→ Work required:
Using the data that follows, give the number of lines where the string "IFCPRODUCTDEFINITIONSHAPE" occurs, and nothing else.

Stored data
· · · · · · ·

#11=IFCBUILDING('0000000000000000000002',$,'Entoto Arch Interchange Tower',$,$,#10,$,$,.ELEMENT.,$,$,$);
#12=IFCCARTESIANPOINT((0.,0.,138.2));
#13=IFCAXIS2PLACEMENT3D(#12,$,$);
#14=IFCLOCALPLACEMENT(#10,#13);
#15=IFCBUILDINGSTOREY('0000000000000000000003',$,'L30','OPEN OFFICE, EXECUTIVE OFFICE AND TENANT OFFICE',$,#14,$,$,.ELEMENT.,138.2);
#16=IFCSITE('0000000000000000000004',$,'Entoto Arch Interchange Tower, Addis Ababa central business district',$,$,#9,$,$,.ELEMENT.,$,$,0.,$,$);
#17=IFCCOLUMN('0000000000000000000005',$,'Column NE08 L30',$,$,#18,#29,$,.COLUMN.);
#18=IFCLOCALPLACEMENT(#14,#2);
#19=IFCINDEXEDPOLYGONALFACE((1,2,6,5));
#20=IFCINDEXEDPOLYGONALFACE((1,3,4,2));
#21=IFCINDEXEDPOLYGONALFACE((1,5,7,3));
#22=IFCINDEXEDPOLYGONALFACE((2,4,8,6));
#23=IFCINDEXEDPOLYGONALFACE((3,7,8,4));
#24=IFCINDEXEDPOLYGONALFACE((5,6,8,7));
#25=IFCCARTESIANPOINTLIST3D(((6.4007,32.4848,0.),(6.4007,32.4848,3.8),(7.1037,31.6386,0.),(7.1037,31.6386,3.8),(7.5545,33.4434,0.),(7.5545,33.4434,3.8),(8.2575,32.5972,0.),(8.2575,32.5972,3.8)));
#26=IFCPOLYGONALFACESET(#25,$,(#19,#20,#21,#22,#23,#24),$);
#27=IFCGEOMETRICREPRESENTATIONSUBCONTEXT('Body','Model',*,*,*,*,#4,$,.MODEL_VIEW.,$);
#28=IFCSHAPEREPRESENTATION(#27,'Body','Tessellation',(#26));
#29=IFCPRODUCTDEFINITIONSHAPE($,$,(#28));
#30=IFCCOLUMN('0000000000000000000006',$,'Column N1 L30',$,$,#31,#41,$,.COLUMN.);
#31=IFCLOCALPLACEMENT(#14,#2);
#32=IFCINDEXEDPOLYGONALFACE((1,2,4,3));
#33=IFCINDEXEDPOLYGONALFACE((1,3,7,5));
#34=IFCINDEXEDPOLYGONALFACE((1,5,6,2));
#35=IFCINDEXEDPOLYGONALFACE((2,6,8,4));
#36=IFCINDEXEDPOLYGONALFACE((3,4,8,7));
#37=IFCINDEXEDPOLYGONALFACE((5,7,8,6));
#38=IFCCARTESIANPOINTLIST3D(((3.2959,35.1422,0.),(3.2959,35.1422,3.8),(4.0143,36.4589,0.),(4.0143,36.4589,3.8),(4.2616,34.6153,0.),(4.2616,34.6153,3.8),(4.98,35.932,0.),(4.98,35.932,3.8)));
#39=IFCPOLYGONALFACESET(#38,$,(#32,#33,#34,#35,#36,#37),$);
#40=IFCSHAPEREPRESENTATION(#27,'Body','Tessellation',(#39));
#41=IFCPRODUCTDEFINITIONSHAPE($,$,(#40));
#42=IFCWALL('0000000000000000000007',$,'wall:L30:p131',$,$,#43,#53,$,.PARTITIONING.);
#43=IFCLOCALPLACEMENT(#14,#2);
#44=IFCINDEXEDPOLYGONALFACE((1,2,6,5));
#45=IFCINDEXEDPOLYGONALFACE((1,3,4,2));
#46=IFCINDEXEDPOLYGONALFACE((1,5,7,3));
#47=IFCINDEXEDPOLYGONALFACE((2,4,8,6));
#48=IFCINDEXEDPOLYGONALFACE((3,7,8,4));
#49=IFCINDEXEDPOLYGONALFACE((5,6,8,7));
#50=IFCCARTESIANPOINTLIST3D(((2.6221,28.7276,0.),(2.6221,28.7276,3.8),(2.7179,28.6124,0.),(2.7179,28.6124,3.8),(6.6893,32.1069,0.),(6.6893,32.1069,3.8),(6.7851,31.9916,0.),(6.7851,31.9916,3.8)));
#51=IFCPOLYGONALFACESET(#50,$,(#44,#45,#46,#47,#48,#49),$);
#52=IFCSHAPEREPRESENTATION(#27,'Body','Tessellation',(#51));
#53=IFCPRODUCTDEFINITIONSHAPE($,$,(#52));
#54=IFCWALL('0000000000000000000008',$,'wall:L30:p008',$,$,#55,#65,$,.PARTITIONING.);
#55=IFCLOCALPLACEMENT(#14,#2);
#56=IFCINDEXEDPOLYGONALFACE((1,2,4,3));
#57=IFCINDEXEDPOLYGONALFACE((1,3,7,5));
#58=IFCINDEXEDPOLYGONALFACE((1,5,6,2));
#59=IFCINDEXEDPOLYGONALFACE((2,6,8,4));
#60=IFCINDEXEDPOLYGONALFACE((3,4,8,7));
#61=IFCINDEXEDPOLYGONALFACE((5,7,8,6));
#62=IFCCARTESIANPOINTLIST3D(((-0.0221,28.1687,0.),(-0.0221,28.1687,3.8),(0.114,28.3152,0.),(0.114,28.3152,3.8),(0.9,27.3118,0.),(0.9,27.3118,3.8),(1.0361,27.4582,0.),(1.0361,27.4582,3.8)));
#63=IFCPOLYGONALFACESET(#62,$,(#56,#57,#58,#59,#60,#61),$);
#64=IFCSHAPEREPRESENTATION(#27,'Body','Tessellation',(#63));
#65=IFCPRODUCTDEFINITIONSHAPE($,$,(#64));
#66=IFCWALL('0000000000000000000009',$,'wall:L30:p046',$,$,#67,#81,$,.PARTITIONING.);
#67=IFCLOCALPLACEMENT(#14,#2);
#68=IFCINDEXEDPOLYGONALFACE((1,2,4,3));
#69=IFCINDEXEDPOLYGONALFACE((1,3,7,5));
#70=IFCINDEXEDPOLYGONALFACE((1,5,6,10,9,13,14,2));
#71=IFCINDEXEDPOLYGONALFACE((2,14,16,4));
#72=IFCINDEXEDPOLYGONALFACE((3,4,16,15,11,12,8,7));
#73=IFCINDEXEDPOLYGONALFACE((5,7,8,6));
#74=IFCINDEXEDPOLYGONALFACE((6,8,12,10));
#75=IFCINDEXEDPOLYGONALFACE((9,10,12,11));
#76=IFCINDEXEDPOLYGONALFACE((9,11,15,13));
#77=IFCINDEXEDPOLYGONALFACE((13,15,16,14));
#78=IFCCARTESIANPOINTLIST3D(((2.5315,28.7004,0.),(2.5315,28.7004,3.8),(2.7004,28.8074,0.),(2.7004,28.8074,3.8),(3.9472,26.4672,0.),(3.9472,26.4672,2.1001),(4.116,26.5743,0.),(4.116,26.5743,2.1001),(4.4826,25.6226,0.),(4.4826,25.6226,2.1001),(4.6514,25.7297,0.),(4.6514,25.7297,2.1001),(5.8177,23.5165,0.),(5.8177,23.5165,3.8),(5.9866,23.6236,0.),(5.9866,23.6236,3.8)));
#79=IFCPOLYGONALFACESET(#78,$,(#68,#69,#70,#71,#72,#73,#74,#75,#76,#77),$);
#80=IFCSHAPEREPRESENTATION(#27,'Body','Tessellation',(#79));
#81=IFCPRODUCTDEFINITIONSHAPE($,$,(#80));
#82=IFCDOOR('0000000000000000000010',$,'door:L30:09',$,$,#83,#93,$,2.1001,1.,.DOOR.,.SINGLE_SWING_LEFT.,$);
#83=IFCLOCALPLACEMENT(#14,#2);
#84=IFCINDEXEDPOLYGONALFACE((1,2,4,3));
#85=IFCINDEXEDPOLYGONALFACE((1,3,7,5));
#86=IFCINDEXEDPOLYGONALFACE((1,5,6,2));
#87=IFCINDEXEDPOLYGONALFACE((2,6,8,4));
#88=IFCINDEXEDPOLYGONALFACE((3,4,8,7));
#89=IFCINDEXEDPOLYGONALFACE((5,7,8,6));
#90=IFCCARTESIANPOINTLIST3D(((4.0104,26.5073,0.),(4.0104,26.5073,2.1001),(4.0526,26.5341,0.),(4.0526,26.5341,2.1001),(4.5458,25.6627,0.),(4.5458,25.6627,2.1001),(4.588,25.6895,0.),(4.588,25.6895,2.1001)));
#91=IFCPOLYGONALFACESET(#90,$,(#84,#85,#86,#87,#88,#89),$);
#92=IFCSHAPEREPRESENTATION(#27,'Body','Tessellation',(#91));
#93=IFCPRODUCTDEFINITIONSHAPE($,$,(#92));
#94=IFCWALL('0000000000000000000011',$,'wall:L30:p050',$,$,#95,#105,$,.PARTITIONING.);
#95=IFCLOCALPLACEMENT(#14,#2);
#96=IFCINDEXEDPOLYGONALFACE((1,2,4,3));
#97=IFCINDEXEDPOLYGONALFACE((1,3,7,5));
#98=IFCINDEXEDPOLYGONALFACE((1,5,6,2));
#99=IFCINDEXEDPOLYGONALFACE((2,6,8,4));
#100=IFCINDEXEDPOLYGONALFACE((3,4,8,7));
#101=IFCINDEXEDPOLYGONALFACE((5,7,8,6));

· · · · · · ·

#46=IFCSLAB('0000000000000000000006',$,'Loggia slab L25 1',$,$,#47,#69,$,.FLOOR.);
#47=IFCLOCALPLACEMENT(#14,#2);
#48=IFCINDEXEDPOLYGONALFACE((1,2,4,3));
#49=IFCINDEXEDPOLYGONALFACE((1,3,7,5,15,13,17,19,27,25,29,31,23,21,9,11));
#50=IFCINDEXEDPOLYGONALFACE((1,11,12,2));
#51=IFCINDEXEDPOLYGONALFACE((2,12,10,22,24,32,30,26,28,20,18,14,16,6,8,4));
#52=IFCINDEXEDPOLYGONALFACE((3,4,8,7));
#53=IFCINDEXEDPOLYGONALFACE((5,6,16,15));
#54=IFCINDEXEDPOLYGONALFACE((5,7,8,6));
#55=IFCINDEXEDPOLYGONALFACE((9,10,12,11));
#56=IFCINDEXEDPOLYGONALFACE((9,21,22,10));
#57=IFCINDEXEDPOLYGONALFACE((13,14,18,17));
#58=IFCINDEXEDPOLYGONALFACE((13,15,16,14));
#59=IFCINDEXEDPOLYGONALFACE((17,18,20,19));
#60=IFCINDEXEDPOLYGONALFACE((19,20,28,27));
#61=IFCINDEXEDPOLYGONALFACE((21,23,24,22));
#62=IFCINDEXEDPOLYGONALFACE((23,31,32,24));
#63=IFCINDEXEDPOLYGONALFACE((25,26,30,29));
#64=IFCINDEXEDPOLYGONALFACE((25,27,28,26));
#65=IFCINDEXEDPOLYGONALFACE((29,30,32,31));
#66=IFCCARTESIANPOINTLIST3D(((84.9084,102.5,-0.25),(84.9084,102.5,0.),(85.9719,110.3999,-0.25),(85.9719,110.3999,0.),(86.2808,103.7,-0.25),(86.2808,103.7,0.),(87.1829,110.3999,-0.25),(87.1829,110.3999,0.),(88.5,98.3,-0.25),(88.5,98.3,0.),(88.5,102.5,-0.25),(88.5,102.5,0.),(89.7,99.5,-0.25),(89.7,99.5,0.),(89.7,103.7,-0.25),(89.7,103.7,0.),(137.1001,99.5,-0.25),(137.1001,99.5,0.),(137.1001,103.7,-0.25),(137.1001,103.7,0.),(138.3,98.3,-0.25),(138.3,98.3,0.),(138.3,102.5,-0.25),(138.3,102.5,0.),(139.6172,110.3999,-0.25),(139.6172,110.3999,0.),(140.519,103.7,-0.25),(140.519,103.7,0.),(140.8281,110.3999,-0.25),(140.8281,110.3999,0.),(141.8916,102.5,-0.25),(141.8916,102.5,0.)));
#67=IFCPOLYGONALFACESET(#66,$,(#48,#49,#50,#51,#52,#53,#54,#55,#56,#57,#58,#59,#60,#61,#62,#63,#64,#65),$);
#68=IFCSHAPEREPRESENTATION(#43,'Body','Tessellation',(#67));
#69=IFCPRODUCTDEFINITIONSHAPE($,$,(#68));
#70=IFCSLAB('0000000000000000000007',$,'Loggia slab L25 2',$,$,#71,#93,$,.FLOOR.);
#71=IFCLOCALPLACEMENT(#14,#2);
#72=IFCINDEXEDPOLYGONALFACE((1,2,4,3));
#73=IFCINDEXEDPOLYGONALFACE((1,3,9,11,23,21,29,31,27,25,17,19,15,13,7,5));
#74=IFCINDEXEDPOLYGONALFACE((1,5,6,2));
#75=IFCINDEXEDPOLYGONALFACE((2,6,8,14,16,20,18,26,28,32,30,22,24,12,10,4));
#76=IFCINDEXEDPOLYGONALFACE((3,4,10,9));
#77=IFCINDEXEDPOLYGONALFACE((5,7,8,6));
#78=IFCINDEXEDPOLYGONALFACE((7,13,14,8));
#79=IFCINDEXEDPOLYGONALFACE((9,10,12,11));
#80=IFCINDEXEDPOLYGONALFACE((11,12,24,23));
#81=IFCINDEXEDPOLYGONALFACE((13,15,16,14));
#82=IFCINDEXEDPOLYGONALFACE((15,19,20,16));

· · · · · · ·

→ Written answer:
7